▸ **What to do**:
From the entries below, output the line with "Keng Kang Interchange" and each following line up to and including the line with "frame((0.0, 0.0, 303.8999)))", exactly as written.

▸ **Information supplied**:
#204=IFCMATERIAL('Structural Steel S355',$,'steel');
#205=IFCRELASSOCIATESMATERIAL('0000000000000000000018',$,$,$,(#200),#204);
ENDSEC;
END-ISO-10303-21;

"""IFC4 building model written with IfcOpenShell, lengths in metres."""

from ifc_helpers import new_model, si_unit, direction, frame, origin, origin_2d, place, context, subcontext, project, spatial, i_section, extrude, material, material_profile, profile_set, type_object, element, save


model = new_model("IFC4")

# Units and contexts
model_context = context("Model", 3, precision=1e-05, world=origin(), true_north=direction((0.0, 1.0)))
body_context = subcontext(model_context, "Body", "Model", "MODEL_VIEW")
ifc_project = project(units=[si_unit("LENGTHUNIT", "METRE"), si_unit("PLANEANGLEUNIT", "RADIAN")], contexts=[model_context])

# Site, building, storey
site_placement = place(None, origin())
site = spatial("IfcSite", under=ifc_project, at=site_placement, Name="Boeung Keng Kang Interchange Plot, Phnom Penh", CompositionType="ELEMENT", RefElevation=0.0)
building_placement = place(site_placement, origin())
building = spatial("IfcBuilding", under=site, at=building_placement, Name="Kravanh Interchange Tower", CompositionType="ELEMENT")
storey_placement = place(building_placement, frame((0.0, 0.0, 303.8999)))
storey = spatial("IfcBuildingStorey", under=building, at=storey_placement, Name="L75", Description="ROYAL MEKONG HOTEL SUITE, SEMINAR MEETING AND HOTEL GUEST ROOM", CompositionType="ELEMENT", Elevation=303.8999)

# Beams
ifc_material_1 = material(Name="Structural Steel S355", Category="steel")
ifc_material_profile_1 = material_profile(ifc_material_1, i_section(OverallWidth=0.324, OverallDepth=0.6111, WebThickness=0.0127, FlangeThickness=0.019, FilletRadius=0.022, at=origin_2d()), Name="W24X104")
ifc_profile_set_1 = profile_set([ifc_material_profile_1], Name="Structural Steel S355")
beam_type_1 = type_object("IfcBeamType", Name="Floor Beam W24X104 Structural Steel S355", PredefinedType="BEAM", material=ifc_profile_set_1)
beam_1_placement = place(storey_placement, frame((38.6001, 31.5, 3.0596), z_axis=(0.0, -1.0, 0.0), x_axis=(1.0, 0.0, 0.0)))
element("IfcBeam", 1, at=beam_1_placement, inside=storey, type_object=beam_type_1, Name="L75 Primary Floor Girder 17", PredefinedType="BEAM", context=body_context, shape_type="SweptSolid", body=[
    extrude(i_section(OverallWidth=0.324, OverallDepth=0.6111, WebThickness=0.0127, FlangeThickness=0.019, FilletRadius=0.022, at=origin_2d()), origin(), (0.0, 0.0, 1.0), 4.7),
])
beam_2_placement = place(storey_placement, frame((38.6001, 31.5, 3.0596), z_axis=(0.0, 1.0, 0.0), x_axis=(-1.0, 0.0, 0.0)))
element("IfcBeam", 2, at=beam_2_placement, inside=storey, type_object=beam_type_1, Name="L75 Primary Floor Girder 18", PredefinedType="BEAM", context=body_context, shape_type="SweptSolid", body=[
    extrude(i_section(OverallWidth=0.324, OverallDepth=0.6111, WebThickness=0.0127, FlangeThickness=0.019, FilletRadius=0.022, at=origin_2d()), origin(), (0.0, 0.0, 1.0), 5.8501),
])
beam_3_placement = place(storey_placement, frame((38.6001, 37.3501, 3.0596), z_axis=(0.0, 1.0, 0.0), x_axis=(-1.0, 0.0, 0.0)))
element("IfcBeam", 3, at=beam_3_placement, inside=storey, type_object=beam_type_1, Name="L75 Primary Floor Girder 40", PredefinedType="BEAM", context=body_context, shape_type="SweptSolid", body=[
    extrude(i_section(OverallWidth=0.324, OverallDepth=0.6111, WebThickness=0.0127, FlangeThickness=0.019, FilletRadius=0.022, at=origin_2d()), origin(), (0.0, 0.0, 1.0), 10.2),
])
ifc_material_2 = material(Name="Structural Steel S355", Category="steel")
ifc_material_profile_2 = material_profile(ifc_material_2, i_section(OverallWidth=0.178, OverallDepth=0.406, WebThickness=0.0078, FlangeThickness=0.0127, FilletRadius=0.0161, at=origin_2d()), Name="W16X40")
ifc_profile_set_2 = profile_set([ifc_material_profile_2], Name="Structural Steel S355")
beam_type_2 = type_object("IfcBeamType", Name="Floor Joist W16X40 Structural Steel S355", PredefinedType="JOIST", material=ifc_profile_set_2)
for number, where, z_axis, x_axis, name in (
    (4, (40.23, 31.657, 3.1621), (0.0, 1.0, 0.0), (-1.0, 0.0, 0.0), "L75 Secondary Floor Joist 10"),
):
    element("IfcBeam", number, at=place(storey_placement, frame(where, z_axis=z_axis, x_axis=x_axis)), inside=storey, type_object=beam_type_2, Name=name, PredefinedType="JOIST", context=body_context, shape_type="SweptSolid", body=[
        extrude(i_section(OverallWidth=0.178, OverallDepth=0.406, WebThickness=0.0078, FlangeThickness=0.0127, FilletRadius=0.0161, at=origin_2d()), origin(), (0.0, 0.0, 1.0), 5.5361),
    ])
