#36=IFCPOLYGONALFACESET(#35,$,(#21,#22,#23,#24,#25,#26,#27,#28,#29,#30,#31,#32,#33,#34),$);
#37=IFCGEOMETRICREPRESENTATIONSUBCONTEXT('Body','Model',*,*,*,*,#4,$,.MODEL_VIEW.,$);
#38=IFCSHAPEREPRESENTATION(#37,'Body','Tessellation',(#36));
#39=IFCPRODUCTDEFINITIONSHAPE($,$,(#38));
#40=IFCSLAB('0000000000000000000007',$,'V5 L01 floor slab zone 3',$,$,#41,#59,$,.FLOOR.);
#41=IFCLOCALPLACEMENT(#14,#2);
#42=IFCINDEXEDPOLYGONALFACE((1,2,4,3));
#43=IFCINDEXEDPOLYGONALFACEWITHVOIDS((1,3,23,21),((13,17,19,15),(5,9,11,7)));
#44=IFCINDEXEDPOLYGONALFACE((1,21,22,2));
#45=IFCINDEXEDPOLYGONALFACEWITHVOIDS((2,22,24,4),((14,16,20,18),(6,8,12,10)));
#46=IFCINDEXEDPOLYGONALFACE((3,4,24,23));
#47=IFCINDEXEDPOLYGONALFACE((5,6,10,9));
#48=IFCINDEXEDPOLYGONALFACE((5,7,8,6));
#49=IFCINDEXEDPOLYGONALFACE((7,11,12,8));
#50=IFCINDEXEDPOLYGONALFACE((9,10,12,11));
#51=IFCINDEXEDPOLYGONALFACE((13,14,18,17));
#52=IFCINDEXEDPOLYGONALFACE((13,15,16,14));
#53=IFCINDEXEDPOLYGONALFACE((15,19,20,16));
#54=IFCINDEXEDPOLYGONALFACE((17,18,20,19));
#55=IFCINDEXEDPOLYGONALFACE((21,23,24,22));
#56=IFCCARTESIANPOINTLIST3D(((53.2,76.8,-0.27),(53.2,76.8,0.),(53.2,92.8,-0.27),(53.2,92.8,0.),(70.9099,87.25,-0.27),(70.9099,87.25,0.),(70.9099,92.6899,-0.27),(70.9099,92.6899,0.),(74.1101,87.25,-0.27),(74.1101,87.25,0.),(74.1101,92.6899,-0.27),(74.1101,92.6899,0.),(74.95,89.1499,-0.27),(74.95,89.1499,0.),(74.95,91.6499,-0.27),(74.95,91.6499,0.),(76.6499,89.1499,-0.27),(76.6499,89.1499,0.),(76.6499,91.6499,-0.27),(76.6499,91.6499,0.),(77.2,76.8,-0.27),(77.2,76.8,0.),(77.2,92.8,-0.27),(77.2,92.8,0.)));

▸ **Exercise answer**:
site = spatial("IfcSite", under=ifc_project, at=site_placement, Name="Boeung Keng Kang Interchange Plot, Phnom Penh", CompositionType="ELEMENT", RefElevation=0.0)
building_placement = place(site_placement, origin())
building = spatial("IfcBuilding", under=site, at=building_placement, Name="Kravanh Interchange Tower", CompositionType="ELEMENT")
storey_placement = place(building_placement, frame((0.0, 0.0, 303.8999)))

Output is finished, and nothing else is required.